▶
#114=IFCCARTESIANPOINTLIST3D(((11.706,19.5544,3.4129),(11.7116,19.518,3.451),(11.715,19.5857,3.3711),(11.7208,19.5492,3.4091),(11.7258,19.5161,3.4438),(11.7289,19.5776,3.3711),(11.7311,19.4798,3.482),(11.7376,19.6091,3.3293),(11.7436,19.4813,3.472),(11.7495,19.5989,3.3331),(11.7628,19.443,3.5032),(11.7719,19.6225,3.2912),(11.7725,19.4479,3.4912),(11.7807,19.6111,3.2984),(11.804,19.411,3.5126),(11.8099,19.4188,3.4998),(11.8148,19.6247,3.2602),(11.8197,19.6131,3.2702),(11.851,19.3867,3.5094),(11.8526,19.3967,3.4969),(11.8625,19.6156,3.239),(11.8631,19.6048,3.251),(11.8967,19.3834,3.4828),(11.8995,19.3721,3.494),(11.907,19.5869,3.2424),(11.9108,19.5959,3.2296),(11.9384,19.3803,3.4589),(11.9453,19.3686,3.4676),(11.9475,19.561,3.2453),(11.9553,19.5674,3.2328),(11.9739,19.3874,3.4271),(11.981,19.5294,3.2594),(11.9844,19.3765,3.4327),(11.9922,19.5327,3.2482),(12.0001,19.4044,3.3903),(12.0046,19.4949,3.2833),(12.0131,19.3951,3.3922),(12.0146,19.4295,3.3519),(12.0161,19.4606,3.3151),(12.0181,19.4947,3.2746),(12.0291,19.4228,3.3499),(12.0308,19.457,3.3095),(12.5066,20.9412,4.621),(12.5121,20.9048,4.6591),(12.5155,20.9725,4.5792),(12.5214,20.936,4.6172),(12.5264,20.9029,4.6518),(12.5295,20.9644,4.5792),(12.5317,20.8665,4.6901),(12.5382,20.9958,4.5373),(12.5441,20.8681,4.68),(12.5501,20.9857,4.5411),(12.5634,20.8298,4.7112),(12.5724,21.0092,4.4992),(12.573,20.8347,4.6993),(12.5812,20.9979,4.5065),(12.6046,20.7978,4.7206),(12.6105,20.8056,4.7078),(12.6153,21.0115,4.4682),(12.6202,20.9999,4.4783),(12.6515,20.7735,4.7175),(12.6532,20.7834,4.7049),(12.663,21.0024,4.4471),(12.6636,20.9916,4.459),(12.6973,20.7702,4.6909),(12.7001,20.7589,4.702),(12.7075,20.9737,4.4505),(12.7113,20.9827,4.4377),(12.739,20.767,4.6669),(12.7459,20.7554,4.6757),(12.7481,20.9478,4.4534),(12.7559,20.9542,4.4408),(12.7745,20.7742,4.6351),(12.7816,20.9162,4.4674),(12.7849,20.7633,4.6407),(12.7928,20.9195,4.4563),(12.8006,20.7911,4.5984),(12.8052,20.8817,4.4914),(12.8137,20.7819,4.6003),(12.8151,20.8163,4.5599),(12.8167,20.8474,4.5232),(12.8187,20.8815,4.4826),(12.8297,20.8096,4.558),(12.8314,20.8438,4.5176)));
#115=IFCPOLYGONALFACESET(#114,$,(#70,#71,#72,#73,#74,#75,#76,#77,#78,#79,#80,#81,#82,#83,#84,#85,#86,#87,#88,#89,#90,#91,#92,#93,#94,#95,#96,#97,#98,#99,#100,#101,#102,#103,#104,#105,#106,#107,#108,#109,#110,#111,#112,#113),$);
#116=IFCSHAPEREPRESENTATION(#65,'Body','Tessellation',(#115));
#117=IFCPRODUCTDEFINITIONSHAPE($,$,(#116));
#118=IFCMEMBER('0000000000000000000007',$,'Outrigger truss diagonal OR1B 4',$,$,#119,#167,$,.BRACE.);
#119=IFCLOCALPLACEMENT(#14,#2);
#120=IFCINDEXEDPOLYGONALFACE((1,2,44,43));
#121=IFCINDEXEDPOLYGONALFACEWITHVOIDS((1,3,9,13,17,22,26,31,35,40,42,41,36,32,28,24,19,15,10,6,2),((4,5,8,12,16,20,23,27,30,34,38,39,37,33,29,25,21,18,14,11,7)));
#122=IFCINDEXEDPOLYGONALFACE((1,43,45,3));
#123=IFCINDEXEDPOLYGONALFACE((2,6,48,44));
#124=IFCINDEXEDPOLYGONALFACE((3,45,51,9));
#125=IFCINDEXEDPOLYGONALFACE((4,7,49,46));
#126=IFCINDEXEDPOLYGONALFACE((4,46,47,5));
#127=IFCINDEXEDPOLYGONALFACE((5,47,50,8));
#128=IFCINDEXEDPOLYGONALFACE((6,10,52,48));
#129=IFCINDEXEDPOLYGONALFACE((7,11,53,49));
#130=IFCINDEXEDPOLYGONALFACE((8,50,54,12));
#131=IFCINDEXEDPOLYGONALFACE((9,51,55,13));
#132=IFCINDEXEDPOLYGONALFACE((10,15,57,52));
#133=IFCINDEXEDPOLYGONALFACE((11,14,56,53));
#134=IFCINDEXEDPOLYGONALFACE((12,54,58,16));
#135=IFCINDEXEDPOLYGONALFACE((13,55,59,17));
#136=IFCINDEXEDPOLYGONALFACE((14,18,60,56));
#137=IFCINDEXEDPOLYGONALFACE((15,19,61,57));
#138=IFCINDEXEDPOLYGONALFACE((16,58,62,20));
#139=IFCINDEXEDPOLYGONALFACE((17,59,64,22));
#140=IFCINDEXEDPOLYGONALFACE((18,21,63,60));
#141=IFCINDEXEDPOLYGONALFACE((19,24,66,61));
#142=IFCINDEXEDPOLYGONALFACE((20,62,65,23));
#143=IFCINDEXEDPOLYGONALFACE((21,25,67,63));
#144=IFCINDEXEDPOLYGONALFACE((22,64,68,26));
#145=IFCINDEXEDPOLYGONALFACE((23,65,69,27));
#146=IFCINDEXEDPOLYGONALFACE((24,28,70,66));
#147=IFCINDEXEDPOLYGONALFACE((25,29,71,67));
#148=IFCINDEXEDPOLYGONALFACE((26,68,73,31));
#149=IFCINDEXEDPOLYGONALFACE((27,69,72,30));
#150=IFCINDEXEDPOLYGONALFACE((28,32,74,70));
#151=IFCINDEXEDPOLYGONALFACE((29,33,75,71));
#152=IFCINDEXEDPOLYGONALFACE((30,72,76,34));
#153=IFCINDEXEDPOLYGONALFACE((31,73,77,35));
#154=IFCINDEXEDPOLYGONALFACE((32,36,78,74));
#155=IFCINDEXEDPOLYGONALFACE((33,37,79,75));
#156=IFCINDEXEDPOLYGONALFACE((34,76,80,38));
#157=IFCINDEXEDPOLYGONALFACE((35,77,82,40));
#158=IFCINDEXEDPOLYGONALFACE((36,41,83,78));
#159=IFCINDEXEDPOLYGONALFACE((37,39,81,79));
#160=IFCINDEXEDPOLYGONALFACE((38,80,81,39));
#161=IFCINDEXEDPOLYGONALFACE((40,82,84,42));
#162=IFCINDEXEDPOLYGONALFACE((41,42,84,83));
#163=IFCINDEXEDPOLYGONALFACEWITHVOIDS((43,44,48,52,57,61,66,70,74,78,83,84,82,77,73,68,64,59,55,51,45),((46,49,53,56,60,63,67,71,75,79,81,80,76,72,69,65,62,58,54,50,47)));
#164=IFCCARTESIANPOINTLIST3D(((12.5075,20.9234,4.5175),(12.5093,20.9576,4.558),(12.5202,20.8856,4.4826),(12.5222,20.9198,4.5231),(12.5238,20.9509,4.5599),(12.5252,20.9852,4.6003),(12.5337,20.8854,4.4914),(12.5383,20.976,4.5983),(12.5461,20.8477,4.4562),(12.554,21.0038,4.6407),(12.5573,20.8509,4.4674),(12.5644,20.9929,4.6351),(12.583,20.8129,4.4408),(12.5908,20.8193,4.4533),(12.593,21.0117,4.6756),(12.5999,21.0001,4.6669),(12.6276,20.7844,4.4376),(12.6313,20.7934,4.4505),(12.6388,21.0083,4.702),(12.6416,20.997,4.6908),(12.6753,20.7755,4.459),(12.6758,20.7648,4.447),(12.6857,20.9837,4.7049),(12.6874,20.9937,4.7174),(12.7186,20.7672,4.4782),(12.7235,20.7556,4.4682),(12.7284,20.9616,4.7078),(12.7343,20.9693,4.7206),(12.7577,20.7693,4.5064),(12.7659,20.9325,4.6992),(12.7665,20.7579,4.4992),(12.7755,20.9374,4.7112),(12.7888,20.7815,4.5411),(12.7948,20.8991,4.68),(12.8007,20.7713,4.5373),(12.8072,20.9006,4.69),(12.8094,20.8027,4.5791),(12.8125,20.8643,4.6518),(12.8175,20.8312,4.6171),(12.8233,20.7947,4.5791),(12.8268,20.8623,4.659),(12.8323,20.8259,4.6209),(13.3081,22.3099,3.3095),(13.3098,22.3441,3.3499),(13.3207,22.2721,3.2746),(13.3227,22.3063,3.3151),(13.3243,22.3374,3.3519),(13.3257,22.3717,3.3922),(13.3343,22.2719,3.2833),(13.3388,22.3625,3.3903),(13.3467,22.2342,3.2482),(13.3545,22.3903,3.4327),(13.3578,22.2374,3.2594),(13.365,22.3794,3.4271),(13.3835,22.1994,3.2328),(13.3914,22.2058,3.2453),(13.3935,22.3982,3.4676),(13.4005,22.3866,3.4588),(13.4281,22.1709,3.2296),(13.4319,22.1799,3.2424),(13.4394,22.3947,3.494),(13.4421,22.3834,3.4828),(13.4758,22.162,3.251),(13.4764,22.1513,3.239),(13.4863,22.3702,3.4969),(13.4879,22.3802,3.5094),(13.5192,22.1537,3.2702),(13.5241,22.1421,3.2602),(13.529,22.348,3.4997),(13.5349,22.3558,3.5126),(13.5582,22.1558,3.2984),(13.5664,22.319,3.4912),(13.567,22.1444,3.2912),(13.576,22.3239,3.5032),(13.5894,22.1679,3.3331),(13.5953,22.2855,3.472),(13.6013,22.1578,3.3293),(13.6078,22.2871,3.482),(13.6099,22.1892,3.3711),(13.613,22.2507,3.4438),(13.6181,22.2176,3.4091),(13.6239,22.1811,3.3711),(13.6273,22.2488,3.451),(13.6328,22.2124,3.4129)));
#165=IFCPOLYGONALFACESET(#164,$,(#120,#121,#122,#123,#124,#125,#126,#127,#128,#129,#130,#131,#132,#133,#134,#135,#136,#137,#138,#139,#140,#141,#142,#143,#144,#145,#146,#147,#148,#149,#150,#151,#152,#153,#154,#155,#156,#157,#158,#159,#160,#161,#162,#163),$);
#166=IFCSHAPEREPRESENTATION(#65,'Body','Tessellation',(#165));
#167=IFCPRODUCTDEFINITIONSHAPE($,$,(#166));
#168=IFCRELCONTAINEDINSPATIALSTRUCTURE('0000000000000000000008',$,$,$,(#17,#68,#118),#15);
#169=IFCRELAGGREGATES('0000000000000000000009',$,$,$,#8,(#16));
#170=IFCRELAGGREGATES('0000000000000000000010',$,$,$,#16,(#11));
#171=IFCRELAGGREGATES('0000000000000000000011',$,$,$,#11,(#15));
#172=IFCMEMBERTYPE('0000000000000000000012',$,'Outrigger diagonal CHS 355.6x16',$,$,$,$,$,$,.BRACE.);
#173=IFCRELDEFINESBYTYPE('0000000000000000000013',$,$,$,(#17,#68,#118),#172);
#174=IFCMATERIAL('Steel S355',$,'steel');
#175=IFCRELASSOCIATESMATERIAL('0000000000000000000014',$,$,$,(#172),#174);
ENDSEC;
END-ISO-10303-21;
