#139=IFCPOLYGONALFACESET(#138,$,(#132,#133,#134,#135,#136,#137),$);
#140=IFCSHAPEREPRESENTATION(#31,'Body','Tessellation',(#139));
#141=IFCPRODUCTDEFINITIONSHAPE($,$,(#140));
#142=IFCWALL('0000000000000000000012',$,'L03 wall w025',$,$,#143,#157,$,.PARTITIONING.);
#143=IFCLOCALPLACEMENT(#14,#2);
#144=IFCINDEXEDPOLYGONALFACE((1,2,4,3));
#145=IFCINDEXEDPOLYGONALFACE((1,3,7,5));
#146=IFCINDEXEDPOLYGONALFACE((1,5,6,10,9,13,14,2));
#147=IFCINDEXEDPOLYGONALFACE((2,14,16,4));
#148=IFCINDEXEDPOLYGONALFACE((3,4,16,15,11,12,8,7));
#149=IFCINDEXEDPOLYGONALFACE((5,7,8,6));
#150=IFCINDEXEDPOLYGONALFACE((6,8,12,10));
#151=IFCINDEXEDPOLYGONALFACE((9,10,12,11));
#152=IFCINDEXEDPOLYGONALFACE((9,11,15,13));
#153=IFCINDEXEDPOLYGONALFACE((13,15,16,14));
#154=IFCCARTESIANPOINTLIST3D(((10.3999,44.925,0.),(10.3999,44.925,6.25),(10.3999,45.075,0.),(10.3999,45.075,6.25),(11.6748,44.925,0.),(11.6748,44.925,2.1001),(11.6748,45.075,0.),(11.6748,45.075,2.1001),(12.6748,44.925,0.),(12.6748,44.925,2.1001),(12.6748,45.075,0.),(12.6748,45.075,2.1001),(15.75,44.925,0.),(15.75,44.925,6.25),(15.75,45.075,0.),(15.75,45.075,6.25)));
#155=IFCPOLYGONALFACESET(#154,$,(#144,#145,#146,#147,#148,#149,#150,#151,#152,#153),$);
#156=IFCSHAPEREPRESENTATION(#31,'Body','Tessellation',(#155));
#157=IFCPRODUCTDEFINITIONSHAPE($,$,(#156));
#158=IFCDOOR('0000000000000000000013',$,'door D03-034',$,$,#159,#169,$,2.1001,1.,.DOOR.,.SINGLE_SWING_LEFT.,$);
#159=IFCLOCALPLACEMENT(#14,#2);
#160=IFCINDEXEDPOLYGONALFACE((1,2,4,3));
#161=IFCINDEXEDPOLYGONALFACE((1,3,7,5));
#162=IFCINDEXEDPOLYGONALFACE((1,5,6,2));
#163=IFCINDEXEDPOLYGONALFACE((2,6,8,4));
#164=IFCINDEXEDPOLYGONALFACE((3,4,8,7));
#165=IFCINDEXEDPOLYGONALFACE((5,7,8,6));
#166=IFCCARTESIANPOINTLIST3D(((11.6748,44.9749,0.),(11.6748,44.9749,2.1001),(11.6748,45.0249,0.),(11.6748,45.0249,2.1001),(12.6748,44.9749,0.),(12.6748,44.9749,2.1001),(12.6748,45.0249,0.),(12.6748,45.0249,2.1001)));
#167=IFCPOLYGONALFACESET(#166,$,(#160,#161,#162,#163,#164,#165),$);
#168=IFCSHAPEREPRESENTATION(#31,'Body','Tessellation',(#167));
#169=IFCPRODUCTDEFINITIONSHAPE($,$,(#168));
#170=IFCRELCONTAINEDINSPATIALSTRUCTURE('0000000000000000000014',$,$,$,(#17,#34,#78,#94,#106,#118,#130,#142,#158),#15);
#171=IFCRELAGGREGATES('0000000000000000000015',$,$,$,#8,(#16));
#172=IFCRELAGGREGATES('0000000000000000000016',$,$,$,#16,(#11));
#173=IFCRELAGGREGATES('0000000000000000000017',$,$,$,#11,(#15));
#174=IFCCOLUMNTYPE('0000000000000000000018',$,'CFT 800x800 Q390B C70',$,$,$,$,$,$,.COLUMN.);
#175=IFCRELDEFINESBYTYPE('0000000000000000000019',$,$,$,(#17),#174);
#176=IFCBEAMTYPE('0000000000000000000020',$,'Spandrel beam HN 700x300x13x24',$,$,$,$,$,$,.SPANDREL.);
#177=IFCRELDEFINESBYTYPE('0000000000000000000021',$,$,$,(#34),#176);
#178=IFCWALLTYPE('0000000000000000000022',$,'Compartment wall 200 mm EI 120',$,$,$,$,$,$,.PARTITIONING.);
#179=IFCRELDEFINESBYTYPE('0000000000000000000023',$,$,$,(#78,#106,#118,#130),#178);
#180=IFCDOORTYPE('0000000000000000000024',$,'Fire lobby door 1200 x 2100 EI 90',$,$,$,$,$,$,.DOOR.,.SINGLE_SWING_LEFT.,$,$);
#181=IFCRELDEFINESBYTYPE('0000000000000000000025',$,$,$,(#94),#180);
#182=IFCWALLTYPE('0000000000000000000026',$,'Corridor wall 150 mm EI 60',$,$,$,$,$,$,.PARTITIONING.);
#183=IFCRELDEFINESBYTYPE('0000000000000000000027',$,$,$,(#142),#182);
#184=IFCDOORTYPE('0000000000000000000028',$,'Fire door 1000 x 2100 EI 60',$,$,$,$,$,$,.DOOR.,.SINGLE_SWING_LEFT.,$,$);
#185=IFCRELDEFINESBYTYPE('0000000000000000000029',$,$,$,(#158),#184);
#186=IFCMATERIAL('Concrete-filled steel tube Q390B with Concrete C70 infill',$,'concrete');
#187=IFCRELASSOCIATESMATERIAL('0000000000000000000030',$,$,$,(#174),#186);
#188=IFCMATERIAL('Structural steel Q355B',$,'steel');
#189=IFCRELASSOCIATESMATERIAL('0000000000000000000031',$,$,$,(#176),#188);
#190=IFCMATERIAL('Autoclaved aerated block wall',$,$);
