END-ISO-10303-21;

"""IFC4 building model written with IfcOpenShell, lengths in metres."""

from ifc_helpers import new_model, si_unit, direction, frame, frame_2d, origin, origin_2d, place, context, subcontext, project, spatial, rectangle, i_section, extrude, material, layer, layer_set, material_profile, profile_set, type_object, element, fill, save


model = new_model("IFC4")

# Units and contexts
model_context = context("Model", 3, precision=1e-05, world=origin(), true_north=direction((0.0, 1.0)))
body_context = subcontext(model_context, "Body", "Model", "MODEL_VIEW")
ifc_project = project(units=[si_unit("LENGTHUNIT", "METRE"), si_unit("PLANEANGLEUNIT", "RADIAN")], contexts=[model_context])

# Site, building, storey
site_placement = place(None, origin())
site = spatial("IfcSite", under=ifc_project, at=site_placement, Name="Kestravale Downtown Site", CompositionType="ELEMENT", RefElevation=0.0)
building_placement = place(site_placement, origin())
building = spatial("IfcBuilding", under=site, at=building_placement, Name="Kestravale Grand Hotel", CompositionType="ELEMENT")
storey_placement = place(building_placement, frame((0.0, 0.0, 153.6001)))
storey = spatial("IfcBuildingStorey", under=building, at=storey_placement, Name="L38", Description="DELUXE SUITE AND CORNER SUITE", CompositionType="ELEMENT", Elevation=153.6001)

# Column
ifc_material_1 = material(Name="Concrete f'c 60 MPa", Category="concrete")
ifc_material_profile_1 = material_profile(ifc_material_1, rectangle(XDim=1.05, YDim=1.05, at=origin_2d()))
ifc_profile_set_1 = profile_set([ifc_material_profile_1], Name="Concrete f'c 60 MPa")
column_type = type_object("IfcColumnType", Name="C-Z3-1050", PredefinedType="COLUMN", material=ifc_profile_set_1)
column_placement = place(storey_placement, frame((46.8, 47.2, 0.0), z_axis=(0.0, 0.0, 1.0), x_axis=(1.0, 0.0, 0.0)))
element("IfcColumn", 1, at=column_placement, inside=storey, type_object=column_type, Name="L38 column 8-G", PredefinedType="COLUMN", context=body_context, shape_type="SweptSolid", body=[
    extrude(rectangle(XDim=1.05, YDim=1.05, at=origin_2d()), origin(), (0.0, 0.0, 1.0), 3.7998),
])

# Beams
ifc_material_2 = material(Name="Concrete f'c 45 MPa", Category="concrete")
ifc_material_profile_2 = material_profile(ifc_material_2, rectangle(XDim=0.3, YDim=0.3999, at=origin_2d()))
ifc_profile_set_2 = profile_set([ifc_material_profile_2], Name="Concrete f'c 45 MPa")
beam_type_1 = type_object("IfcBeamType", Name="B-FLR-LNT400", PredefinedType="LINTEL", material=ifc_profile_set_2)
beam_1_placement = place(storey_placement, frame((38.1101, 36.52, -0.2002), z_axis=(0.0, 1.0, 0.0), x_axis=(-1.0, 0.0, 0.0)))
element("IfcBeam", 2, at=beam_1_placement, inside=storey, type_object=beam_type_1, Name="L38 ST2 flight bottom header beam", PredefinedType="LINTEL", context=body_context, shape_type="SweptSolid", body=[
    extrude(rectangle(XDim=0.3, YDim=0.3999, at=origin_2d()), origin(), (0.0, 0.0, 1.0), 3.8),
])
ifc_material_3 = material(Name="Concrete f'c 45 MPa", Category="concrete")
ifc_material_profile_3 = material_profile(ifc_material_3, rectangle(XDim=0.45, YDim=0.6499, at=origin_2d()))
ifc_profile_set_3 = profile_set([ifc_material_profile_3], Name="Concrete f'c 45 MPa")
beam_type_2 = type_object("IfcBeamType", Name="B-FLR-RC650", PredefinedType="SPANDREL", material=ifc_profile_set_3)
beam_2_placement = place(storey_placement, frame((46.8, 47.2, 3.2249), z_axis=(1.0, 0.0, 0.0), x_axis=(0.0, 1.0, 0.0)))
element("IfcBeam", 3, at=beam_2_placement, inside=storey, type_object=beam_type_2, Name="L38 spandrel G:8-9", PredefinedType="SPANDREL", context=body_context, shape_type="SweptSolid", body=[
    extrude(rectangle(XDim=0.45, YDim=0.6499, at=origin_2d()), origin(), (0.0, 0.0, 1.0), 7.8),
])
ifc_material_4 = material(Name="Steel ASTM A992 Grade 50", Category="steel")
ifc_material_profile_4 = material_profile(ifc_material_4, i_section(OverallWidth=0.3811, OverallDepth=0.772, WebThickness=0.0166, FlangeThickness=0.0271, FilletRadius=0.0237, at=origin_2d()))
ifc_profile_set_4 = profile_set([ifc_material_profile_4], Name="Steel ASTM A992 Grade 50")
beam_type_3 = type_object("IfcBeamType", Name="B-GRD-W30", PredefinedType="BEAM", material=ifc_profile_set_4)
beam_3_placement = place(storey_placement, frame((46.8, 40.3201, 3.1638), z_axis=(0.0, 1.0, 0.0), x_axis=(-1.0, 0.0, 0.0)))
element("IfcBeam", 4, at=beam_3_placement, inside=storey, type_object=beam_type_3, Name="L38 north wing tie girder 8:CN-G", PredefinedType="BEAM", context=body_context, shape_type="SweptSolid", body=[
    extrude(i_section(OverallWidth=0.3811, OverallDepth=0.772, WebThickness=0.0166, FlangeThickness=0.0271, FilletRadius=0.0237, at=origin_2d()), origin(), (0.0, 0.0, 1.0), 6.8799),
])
◀
> Action item: Find how many lines in the listing contain the word "LINTEL" and give that count alone.

> Exercise solution: 2